Provided entries

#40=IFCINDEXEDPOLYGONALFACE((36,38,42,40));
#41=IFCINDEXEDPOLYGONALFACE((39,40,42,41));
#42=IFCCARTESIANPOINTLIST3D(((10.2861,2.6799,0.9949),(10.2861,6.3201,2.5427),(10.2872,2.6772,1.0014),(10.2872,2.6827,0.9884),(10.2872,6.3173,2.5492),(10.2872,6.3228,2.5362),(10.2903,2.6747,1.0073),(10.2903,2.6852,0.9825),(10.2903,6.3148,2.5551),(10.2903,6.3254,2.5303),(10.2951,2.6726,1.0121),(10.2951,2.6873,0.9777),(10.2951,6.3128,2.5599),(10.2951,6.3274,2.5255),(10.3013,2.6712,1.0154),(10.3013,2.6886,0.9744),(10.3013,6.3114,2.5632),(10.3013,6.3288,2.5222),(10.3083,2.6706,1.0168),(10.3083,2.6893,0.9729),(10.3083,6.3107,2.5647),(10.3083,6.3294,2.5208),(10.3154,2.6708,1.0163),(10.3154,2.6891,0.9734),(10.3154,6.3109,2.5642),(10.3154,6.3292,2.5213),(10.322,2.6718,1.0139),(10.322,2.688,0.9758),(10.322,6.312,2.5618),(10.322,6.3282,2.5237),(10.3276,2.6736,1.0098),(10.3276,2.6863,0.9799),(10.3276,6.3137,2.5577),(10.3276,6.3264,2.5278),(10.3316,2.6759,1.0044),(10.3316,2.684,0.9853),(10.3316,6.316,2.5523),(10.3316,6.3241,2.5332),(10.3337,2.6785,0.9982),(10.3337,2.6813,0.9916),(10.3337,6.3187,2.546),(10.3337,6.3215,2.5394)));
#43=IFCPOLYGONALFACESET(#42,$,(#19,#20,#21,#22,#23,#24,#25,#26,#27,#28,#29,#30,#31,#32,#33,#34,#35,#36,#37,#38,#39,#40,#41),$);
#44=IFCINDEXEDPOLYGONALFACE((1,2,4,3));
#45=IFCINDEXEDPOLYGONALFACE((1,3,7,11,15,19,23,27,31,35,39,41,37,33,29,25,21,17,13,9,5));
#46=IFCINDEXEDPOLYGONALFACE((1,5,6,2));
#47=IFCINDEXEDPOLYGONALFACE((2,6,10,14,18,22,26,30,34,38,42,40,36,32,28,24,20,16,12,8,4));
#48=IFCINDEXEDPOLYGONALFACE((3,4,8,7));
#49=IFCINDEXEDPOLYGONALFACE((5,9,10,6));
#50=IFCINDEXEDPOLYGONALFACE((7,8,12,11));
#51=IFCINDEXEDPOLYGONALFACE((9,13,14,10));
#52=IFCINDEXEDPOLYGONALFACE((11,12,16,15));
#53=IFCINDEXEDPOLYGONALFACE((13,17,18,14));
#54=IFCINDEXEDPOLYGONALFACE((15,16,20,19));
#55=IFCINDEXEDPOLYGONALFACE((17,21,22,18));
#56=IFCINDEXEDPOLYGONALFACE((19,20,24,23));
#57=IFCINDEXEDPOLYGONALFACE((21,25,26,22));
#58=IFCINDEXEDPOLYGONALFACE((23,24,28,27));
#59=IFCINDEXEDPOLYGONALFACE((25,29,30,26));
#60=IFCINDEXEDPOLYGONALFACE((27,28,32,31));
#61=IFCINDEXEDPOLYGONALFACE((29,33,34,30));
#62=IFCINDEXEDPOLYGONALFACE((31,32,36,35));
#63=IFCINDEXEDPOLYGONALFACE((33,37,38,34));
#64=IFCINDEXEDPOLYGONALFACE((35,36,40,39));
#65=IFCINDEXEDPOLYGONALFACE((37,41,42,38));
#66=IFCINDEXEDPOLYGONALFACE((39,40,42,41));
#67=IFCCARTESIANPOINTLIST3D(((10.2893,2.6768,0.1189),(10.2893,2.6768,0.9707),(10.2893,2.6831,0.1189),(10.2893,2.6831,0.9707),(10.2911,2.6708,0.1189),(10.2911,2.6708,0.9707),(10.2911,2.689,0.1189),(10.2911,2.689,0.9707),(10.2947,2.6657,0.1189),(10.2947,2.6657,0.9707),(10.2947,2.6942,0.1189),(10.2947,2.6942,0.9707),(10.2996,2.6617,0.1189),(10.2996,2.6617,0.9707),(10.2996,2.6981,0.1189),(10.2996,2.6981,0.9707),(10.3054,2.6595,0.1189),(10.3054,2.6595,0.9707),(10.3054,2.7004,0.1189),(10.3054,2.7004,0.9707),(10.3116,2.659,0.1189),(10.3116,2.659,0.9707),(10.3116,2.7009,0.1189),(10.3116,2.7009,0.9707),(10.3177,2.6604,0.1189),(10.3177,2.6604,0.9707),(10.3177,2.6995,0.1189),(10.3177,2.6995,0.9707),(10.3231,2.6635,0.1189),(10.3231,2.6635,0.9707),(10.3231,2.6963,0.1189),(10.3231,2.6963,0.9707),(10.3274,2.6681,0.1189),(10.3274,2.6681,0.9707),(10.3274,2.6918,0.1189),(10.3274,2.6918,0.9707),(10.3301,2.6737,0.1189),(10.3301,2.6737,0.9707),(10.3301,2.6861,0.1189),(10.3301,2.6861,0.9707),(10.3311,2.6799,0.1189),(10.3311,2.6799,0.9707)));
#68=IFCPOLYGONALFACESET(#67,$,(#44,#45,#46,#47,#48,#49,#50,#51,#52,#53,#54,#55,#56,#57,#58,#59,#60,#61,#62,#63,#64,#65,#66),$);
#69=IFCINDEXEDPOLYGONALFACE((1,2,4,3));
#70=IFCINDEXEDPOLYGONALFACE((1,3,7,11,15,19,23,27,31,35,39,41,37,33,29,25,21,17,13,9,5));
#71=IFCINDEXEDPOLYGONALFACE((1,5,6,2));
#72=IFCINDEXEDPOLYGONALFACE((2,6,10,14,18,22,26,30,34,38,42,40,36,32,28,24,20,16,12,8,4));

* * *

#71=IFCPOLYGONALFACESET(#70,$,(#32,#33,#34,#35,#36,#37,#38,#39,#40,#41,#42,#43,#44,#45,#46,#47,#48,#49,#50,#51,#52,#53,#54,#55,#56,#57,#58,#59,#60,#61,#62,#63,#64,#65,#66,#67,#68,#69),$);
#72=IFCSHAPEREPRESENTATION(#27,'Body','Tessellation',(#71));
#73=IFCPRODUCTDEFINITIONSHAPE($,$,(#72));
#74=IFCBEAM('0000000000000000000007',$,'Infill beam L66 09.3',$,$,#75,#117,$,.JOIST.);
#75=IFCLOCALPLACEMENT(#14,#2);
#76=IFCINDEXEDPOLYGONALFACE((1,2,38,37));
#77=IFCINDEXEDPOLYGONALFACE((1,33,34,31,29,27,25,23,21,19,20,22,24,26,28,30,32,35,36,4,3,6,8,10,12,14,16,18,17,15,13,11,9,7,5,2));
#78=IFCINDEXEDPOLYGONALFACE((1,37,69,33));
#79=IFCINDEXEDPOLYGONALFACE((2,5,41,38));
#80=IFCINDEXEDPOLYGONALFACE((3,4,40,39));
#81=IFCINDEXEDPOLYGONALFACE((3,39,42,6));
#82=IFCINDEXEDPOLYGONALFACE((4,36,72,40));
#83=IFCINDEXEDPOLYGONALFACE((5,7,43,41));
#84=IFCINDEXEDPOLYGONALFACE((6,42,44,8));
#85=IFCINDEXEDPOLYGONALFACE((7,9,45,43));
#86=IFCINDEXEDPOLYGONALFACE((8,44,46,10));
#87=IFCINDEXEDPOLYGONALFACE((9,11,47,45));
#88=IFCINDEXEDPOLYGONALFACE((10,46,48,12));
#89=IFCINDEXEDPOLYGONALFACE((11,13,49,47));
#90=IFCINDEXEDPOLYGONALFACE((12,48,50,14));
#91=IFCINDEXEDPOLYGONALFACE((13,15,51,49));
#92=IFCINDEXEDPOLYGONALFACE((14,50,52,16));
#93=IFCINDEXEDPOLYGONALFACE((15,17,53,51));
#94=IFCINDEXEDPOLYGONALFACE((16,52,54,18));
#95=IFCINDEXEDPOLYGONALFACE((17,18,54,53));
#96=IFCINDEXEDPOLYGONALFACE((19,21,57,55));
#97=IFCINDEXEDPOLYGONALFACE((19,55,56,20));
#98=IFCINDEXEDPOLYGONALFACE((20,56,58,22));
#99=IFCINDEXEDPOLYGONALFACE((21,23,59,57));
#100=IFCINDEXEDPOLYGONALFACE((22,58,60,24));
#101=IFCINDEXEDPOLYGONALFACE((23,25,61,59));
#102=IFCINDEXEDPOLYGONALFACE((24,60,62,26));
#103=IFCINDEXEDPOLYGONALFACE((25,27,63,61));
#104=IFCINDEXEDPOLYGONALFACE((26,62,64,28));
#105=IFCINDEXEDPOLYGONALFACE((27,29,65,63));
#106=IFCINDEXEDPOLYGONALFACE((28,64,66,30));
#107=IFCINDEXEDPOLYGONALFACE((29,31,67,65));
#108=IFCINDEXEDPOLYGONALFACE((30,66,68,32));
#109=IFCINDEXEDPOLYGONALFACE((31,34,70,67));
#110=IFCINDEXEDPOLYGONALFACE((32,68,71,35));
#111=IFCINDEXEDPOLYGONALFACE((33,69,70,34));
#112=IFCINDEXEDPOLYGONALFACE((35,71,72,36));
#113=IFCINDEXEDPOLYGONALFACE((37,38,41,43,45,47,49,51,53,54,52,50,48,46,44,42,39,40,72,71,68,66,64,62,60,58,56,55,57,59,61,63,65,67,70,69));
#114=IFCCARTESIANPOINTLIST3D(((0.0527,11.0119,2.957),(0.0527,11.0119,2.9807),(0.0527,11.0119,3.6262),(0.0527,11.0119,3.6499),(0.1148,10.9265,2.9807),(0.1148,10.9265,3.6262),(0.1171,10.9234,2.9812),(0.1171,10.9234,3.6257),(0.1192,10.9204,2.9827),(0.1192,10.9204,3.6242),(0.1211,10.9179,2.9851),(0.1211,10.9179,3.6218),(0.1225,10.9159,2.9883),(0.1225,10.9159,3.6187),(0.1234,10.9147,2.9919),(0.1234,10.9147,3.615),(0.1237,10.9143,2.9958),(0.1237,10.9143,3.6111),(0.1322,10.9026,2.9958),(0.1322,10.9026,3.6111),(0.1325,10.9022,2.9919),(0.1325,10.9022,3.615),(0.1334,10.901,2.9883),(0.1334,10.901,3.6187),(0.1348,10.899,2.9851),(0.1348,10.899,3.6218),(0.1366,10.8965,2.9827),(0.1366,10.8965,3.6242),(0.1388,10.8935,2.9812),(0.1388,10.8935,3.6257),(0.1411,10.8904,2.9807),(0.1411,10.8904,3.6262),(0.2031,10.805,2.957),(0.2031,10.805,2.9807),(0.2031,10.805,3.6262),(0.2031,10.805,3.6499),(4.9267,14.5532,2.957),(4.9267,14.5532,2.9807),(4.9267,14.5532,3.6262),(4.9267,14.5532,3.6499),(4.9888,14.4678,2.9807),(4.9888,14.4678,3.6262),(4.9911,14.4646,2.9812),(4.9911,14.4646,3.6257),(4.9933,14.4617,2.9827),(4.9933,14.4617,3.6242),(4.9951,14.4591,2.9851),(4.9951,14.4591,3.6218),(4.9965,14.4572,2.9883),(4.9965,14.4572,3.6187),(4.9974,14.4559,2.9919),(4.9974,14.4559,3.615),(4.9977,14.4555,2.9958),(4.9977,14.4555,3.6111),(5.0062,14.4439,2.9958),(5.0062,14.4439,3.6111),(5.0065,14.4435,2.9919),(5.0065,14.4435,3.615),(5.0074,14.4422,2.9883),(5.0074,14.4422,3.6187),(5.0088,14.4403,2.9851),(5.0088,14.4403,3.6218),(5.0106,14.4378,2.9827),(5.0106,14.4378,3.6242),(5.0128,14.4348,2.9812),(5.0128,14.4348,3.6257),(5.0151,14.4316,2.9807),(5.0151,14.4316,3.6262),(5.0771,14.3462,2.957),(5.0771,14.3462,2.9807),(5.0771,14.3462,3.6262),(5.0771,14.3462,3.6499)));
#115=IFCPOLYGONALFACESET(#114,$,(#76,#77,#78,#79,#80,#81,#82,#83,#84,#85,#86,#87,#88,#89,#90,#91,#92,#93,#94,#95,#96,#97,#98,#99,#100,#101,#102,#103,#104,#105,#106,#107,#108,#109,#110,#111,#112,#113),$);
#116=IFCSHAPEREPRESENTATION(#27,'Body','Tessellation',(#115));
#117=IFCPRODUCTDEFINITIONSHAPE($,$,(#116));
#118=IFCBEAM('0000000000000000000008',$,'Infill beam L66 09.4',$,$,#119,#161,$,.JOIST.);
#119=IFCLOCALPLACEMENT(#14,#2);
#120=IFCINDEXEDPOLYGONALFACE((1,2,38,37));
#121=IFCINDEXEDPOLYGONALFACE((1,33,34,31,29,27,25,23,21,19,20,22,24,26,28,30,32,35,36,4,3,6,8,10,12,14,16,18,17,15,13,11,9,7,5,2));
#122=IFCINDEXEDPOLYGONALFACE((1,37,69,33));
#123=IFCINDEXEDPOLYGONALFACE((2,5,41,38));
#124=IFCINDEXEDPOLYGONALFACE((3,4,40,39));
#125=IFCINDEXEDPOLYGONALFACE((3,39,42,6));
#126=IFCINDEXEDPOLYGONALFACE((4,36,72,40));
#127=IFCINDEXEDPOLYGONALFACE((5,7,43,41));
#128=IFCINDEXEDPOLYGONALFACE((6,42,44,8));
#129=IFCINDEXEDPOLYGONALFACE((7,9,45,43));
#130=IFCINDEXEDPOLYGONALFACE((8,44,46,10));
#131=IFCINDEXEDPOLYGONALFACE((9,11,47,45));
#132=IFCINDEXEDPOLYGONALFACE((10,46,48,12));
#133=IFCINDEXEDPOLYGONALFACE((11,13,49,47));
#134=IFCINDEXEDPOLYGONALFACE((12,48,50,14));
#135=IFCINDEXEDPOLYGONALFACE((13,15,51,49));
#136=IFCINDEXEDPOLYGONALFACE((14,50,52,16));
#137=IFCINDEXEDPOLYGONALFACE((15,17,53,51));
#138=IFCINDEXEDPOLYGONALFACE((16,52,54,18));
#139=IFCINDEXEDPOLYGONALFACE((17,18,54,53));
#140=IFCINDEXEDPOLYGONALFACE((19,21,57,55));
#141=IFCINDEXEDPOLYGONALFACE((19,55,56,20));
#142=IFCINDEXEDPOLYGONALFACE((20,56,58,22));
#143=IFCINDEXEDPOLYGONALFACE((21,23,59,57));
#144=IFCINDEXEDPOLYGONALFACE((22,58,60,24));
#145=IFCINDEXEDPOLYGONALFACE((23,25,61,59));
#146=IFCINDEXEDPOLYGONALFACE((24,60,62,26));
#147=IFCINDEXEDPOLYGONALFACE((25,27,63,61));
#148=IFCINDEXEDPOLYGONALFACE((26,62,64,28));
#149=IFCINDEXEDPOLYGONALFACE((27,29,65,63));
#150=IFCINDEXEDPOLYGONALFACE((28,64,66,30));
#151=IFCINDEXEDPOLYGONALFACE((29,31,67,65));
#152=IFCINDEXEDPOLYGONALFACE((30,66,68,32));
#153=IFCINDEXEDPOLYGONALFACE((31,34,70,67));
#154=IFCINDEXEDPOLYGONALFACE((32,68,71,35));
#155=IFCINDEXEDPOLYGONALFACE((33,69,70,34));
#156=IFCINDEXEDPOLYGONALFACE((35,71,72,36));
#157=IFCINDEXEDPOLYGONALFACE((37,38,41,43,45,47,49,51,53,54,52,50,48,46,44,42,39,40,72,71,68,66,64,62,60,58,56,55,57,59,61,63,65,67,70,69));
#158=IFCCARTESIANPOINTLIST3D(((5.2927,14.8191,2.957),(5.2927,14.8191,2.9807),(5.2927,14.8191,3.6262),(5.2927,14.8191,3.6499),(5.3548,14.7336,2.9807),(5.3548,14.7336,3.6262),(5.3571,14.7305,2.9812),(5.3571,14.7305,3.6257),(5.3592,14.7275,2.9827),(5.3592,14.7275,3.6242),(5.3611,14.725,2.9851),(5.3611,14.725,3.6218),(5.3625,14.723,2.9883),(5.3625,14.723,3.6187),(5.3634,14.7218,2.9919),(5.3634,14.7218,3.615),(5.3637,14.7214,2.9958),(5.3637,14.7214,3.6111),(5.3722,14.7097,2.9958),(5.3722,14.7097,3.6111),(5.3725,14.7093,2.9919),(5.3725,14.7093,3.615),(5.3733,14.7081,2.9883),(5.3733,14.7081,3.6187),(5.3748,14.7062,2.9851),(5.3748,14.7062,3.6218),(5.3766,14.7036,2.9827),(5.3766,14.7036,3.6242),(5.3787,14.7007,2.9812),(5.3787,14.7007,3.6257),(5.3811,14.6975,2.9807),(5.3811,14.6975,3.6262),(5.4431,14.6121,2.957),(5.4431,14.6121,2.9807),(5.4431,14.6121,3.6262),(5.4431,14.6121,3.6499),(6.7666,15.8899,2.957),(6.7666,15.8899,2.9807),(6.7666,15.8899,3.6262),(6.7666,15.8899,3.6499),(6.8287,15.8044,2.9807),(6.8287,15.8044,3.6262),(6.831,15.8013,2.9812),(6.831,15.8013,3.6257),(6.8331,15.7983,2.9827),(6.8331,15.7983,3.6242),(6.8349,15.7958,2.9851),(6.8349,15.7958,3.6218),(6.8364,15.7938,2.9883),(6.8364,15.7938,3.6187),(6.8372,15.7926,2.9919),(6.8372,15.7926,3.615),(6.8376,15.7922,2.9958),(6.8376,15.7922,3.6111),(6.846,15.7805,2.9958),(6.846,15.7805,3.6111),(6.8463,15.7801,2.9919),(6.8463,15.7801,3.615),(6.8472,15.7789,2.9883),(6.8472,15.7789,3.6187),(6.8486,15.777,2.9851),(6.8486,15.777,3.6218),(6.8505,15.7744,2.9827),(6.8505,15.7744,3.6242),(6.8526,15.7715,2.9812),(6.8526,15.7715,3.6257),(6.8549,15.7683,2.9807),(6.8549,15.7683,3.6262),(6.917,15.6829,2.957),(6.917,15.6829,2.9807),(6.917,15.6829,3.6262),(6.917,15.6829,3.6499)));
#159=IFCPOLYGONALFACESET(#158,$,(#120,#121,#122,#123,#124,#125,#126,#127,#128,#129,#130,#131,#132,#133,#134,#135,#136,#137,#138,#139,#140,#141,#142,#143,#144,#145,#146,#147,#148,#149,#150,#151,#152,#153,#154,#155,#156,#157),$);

...

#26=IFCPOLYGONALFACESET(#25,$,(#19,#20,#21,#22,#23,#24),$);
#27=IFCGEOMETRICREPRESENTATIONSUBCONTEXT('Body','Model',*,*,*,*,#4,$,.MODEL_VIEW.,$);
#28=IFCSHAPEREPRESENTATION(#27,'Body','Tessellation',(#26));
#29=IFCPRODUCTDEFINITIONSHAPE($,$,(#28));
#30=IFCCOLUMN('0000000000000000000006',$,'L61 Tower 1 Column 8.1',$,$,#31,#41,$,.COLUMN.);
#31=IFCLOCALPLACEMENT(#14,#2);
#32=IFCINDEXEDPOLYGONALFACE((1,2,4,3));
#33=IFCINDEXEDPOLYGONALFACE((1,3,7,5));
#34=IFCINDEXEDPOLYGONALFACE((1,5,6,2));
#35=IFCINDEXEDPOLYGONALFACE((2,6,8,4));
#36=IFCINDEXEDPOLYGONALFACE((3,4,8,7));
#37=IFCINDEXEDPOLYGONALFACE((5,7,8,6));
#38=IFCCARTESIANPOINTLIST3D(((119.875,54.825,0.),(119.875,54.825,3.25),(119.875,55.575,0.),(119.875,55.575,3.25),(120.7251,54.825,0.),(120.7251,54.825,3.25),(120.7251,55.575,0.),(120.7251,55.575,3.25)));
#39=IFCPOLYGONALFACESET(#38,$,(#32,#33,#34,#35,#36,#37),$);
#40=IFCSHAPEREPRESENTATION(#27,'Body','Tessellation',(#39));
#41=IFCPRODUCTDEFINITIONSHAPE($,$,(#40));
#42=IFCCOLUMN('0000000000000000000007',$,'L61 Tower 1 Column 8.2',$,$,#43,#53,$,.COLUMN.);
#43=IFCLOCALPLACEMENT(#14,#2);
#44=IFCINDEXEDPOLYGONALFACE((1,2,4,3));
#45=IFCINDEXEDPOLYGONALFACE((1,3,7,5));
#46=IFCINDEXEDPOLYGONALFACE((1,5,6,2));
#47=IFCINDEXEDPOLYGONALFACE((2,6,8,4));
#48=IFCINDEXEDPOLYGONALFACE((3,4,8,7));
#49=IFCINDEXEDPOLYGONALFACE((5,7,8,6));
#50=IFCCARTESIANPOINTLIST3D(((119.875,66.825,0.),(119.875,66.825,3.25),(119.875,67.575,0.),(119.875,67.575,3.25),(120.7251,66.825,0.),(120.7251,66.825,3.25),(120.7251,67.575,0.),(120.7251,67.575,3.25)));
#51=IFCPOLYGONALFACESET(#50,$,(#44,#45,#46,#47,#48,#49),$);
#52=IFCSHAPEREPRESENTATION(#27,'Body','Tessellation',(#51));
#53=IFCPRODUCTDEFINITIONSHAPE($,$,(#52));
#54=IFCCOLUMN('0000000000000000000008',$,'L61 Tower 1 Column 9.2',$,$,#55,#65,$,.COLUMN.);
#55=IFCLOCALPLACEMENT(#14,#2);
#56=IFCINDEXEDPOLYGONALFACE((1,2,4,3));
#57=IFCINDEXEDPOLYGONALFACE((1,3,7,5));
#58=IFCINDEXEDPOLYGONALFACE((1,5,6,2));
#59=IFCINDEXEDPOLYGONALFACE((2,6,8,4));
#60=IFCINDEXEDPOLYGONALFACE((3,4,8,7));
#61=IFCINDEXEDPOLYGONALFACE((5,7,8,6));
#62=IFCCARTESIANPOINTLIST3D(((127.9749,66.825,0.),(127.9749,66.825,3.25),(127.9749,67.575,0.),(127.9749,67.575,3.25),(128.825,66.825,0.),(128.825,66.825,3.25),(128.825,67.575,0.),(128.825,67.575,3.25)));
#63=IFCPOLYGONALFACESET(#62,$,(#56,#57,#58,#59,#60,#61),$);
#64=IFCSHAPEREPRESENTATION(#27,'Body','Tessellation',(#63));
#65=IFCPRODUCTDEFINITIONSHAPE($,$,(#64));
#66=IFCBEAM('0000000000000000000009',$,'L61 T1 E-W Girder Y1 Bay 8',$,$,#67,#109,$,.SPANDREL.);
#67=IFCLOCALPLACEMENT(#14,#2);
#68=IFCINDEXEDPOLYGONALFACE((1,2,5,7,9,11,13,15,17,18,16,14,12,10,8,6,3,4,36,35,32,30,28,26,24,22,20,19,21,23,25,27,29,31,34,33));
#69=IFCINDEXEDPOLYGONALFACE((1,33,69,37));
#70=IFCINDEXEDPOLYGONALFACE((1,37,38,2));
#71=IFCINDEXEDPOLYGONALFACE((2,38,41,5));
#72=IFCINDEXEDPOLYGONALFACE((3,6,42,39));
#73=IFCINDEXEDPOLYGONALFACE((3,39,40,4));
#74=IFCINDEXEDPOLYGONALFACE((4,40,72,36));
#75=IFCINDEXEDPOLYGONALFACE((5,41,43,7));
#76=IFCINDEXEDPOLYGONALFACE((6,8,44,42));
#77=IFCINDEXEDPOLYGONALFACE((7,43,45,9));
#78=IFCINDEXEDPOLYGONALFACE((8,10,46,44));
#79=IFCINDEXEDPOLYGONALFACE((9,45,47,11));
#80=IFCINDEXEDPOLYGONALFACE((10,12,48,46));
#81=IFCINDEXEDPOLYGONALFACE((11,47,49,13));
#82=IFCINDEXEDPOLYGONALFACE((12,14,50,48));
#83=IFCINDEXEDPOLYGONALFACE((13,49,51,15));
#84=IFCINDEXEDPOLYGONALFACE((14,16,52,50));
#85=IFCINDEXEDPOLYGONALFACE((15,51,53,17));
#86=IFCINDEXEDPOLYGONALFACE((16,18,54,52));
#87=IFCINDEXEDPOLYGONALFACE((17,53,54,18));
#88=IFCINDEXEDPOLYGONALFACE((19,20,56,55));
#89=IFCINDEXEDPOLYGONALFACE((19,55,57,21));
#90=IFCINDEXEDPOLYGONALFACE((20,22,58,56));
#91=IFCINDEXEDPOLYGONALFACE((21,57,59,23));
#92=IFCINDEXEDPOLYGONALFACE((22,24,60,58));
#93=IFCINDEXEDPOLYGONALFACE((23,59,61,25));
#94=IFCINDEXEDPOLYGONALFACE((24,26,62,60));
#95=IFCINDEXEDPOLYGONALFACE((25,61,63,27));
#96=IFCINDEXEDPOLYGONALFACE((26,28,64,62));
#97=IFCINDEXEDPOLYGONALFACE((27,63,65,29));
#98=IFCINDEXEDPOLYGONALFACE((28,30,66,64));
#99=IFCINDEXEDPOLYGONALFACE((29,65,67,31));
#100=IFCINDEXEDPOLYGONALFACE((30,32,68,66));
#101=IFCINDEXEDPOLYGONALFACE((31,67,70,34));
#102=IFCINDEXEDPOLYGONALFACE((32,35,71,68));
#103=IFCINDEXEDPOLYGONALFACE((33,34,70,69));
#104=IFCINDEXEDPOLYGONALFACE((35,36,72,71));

Instructions to follow
In the listing above, find each line with "JOIST" and copy it.

Solution below
#74=IFCBEAM('0000000000000000000007',$,'Infill beam L66 09.3',$,$,#75,#117,$,.JOIST.);
#118=IFCBEAM('0000000000000000000008',$,'Infill beam L66 09.4',$,$,#119,#161,$,.JOIST.);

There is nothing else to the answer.